What is the number of lines in the data that contain "None"? Nothing besides that number, please.

• _INPUT_
——————

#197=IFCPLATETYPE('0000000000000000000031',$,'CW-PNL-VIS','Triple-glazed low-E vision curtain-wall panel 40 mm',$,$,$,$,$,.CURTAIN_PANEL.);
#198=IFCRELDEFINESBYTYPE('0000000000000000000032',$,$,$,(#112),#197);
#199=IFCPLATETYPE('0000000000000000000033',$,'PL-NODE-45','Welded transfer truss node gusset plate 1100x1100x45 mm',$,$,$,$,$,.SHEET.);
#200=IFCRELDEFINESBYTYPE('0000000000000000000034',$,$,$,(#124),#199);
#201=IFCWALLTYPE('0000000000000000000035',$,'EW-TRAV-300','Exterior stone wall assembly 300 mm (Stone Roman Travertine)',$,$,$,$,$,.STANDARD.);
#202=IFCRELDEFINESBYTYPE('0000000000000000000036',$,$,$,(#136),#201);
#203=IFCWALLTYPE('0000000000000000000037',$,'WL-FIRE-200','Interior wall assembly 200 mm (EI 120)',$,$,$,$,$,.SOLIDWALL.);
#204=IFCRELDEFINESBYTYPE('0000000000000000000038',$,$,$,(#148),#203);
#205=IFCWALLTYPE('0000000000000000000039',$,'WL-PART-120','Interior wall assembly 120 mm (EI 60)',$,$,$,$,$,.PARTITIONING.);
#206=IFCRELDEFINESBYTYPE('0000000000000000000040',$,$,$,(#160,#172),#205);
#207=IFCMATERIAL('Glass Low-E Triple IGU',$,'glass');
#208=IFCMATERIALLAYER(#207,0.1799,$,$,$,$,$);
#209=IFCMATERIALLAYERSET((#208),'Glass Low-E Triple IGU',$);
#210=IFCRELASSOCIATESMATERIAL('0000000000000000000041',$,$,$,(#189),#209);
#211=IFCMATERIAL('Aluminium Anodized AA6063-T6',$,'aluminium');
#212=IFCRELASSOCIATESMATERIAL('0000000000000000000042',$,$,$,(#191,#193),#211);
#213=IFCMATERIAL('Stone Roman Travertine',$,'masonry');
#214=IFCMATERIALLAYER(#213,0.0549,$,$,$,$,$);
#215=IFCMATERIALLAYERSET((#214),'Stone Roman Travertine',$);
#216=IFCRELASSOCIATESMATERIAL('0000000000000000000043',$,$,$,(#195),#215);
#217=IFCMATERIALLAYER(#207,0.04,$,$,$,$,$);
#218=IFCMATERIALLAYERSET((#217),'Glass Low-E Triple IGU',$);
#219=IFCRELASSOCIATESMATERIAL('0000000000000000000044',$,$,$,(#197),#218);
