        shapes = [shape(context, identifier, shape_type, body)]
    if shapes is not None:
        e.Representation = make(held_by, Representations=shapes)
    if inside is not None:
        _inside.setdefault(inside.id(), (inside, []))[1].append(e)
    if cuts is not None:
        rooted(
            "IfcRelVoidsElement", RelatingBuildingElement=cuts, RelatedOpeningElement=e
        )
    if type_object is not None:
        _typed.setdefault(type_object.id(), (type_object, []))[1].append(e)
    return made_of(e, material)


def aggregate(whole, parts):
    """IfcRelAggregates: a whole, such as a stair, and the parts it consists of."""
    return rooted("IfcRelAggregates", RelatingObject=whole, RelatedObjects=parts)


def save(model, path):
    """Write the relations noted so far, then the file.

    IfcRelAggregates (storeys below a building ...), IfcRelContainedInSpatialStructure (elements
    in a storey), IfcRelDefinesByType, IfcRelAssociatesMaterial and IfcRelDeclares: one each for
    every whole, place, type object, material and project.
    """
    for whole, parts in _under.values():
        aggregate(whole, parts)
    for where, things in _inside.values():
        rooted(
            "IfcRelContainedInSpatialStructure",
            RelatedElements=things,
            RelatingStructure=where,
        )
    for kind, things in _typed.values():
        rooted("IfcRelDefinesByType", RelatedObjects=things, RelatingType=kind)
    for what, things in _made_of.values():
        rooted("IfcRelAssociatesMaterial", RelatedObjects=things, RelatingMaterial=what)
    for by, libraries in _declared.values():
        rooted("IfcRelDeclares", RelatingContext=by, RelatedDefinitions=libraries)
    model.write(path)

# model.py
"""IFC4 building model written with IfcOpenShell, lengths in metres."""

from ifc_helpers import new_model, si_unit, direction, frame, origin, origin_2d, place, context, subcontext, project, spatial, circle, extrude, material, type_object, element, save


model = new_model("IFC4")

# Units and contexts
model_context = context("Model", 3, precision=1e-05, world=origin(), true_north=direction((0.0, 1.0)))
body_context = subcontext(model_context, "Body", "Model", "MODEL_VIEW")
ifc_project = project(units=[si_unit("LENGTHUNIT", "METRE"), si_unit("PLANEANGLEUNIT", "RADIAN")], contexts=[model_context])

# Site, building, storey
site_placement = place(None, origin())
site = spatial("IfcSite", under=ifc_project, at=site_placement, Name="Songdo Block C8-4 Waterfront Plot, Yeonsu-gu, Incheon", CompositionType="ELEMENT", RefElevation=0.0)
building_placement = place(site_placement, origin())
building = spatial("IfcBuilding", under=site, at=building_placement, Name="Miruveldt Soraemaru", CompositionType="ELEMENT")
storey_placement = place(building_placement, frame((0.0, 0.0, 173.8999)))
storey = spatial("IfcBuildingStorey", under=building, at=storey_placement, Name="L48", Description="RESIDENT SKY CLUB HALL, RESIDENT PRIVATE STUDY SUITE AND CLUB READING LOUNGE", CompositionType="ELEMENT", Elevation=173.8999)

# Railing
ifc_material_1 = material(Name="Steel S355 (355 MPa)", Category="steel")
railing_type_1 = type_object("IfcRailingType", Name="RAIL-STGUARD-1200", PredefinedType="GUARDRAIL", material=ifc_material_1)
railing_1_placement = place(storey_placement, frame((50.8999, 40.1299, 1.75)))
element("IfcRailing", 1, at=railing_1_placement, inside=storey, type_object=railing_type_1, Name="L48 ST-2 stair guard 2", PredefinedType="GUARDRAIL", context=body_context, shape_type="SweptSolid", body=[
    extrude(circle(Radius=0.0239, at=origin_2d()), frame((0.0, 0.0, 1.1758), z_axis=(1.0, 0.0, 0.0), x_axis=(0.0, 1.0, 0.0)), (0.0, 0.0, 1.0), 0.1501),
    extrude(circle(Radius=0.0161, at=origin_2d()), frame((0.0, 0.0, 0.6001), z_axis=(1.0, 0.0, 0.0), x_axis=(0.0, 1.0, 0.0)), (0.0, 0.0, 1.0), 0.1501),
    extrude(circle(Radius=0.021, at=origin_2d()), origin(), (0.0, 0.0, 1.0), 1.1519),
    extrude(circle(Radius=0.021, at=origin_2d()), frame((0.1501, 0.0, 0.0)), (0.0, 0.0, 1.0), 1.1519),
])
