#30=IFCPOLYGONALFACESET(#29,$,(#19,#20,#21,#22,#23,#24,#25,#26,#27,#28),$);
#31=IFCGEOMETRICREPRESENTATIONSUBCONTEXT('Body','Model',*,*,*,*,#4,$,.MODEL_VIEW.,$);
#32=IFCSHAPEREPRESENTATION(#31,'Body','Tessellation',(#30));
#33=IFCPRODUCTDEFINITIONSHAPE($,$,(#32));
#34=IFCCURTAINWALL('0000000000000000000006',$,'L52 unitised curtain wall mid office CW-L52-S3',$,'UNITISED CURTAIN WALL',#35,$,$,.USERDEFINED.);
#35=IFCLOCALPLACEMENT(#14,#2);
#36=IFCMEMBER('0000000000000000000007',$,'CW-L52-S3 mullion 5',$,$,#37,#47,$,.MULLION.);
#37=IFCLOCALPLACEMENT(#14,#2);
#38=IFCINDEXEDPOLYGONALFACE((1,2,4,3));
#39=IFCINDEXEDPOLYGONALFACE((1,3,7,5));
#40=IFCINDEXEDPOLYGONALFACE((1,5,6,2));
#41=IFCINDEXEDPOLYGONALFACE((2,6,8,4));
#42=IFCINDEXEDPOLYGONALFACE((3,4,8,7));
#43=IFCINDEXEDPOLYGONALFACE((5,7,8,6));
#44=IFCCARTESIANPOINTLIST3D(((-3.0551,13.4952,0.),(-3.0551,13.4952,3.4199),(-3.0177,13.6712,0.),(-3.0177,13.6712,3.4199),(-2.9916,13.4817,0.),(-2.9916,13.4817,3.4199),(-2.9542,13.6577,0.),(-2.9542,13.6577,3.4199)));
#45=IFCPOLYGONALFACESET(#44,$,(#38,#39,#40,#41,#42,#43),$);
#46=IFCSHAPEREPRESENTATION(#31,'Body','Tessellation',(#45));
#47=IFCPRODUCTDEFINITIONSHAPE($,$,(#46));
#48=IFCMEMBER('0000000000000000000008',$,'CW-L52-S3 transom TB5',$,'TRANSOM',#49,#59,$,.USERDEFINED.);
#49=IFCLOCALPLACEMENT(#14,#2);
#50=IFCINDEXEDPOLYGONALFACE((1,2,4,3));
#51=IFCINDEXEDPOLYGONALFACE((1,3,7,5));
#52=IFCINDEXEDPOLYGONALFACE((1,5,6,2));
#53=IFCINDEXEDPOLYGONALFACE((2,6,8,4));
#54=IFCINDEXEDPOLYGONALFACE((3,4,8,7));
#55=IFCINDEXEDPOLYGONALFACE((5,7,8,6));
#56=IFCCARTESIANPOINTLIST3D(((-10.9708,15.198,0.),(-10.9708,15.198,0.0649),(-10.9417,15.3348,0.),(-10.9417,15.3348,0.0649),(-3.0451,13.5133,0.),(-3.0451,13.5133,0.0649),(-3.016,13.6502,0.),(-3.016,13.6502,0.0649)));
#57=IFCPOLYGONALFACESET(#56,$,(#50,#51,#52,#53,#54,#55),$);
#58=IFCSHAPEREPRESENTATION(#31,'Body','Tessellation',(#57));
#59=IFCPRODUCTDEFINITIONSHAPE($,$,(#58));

——————

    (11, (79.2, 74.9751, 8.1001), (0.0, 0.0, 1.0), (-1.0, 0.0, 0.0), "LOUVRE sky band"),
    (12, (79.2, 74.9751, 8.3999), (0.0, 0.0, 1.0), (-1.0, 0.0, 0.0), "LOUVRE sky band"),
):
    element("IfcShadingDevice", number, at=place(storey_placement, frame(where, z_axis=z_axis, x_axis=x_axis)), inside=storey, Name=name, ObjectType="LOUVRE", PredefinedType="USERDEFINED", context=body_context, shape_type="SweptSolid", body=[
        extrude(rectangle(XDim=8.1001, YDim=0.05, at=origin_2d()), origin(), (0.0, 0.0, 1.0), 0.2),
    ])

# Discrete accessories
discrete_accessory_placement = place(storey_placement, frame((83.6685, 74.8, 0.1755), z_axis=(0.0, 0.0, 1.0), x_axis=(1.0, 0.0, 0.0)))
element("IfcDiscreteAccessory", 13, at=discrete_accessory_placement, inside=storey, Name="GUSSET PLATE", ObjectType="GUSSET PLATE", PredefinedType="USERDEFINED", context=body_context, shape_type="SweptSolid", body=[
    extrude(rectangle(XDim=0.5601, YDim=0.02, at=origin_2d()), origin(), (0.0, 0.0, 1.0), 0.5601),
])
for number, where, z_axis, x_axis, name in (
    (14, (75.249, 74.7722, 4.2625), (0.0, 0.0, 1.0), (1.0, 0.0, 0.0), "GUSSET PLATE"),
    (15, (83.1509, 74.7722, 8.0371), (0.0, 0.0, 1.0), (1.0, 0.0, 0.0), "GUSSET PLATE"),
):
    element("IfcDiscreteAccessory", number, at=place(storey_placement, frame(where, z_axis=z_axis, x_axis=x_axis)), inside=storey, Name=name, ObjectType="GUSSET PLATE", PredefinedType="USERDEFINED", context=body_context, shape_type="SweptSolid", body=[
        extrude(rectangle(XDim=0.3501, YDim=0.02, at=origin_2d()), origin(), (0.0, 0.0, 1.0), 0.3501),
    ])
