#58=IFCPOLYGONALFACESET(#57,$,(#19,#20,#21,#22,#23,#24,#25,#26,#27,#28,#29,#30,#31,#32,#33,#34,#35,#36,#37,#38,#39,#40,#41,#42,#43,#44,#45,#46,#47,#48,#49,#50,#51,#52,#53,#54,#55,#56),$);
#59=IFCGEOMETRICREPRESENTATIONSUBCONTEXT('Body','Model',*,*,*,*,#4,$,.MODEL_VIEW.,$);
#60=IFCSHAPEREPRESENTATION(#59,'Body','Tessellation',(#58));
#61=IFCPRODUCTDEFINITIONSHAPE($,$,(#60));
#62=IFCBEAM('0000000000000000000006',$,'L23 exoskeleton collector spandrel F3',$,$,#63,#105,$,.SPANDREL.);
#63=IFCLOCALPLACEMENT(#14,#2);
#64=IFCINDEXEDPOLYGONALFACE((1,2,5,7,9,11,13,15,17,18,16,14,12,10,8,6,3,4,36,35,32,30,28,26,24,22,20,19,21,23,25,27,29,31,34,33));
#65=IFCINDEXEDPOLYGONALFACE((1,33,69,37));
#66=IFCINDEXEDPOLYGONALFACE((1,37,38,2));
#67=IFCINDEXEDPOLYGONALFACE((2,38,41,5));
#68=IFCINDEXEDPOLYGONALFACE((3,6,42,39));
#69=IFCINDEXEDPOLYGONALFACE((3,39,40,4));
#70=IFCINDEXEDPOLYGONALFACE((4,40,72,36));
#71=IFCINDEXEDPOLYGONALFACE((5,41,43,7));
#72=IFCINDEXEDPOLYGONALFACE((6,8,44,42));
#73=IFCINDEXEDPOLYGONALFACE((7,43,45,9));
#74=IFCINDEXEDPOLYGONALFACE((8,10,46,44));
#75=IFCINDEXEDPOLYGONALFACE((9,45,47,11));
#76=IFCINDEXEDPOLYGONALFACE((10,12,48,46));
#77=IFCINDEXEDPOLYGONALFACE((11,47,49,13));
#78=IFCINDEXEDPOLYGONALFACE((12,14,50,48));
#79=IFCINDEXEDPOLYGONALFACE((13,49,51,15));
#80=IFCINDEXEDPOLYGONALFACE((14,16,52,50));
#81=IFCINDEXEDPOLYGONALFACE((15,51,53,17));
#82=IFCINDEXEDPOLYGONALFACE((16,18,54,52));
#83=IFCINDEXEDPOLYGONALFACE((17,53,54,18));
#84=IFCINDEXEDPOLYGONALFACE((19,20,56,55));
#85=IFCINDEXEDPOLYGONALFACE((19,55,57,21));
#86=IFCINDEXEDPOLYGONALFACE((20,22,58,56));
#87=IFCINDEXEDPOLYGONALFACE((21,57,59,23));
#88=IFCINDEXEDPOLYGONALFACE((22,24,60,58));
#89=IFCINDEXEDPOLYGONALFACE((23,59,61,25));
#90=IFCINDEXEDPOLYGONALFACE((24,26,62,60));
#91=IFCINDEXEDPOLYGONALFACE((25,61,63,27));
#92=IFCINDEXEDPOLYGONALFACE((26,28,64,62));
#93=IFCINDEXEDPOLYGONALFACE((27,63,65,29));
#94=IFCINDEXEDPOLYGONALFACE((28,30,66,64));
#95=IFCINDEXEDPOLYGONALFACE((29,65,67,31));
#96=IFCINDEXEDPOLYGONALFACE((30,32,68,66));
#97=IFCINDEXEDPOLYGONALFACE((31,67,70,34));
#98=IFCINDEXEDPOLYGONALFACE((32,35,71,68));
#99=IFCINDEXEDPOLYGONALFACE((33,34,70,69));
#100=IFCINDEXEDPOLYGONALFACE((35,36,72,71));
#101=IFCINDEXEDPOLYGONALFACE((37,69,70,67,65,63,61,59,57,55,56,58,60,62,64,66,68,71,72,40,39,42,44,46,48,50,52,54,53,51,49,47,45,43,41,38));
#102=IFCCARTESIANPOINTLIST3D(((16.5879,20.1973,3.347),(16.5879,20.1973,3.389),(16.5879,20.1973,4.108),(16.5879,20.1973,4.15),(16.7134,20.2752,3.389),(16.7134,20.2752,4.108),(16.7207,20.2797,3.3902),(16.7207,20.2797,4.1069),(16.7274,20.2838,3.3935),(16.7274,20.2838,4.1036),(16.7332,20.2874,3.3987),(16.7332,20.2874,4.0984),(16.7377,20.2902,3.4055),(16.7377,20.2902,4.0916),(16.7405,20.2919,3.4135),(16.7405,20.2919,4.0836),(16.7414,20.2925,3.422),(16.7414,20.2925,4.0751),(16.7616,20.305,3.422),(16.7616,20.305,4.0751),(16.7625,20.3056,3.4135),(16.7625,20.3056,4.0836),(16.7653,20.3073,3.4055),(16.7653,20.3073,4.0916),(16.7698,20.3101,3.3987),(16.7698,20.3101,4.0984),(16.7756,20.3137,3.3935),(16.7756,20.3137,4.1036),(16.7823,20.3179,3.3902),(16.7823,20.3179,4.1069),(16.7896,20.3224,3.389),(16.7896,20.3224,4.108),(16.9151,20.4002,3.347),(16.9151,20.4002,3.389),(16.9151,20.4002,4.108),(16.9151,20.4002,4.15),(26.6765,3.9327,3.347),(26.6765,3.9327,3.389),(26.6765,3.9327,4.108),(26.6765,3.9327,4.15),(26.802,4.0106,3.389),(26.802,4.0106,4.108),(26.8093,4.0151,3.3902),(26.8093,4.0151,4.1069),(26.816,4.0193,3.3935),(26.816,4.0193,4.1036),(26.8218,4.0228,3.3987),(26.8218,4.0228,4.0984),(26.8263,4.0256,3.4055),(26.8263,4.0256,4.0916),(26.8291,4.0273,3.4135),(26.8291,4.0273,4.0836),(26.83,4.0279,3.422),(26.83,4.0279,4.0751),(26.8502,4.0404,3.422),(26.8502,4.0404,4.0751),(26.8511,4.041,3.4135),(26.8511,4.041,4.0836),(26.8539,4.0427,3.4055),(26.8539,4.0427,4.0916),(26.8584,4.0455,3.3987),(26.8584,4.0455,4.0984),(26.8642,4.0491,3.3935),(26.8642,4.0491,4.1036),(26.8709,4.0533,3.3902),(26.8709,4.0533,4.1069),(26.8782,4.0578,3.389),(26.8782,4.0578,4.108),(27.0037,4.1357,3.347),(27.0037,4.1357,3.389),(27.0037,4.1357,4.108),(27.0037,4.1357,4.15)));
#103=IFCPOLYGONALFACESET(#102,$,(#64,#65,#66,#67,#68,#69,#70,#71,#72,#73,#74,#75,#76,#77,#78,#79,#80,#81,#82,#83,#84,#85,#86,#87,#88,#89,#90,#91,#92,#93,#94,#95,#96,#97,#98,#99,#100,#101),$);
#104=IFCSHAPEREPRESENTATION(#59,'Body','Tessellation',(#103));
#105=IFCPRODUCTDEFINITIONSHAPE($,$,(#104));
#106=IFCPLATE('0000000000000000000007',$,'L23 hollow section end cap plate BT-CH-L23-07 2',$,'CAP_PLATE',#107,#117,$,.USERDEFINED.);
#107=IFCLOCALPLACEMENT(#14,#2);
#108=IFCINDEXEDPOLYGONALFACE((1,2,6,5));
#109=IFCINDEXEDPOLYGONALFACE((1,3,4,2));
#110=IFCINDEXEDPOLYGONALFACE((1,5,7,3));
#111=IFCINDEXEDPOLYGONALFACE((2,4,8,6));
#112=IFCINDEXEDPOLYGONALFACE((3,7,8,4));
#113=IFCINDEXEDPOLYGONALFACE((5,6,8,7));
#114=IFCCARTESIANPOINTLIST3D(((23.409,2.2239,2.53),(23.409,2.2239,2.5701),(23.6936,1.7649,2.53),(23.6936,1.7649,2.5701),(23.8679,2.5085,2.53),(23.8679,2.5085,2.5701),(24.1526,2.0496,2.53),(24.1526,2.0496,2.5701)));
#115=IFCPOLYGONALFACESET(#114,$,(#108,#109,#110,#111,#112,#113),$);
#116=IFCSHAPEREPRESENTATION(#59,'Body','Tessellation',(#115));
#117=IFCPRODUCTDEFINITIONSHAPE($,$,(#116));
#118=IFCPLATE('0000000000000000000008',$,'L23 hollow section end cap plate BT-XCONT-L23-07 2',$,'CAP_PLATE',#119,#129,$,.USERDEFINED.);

——————

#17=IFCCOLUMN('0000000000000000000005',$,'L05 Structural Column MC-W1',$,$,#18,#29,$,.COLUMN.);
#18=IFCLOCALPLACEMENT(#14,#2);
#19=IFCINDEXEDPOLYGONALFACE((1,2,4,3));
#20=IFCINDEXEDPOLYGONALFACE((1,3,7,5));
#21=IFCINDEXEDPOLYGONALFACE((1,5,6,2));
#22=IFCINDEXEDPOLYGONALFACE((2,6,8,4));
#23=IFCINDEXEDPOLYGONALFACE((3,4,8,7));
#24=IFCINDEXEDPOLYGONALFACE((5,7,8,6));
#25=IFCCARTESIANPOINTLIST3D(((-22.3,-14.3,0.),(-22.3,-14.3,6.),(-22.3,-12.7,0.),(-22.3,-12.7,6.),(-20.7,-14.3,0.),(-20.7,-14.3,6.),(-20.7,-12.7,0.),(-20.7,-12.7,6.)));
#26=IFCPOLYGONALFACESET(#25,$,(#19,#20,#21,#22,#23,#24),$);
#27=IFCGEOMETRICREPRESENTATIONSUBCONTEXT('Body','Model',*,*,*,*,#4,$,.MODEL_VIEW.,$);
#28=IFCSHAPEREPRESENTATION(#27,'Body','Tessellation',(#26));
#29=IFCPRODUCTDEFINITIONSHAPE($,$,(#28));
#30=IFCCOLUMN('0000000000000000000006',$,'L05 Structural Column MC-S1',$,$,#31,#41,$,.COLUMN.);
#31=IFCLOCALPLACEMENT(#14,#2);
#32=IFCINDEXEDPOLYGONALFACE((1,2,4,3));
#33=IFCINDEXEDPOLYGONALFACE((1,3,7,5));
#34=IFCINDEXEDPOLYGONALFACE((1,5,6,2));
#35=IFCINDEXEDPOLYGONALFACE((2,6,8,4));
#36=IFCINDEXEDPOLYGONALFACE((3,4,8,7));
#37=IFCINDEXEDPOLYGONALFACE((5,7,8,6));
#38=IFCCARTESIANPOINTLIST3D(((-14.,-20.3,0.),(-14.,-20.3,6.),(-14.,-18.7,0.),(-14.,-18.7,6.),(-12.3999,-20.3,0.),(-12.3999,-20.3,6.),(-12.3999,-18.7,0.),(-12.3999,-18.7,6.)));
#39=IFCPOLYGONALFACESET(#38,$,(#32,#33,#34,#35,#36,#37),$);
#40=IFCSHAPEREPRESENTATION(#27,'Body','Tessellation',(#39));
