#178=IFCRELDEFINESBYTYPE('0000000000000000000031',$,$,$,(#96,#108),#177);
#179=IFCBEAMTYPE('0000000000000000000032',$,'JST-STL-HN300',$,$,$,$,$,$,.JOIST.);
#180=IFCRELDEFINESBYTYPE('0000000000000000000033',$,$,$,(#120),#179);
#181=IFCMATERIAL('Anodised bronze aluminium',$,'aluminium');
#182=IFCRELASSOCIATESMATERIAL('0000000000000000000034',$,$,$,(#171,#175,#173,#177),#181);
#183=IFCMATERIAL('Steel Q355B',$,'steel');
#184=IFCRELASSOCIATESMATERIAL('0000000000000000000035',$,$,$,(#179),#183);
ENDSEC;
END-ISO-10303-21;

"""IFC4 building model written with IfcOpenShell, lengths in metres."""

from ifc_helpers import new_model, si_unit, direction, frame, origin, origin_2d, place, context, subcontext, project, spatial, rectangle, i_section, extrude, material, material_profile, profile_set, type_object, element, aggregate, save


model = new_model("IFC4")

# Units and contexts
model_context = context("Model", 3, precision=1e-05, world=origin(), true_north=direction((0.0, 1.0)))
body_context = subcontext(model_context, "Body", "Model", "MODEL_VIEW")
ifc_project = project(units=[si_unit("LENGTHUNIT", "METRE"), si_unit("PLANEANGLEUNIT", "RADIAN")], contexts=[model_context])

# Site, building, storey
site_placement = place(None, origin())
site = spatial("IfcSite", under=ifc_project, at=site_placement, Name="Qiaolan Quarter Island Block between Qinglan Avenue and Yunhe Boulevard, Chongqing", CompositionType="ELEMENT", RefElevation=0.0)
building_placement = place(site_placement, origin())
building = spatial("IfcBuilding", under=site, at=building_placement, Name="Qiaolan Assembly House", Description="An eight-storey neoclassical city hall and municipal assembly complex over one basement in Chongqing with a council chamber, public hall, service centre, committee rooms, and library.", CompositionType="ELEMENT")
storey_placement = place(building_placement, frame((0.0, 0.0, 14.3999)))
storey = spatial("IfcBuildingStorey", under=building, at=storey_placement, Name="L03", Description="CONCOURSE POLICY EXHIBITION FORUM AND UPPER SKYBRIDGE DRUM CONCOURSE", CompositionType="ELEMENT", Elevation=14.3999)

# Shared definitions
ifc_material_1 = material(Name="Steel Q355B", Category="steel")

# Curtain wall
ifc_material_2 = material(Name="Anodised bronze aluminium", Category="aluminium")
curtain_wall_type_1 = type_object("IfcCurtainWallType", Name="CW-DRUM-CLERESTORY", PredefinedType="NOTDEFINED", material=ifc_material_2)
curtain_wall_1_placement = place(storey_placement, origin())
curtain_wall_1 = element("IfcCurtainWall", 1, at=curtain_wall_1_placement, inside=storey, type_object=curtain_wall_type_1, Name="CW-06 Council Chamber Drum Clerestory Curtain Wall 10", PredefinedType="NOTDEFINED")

——————

• _RESULT_
6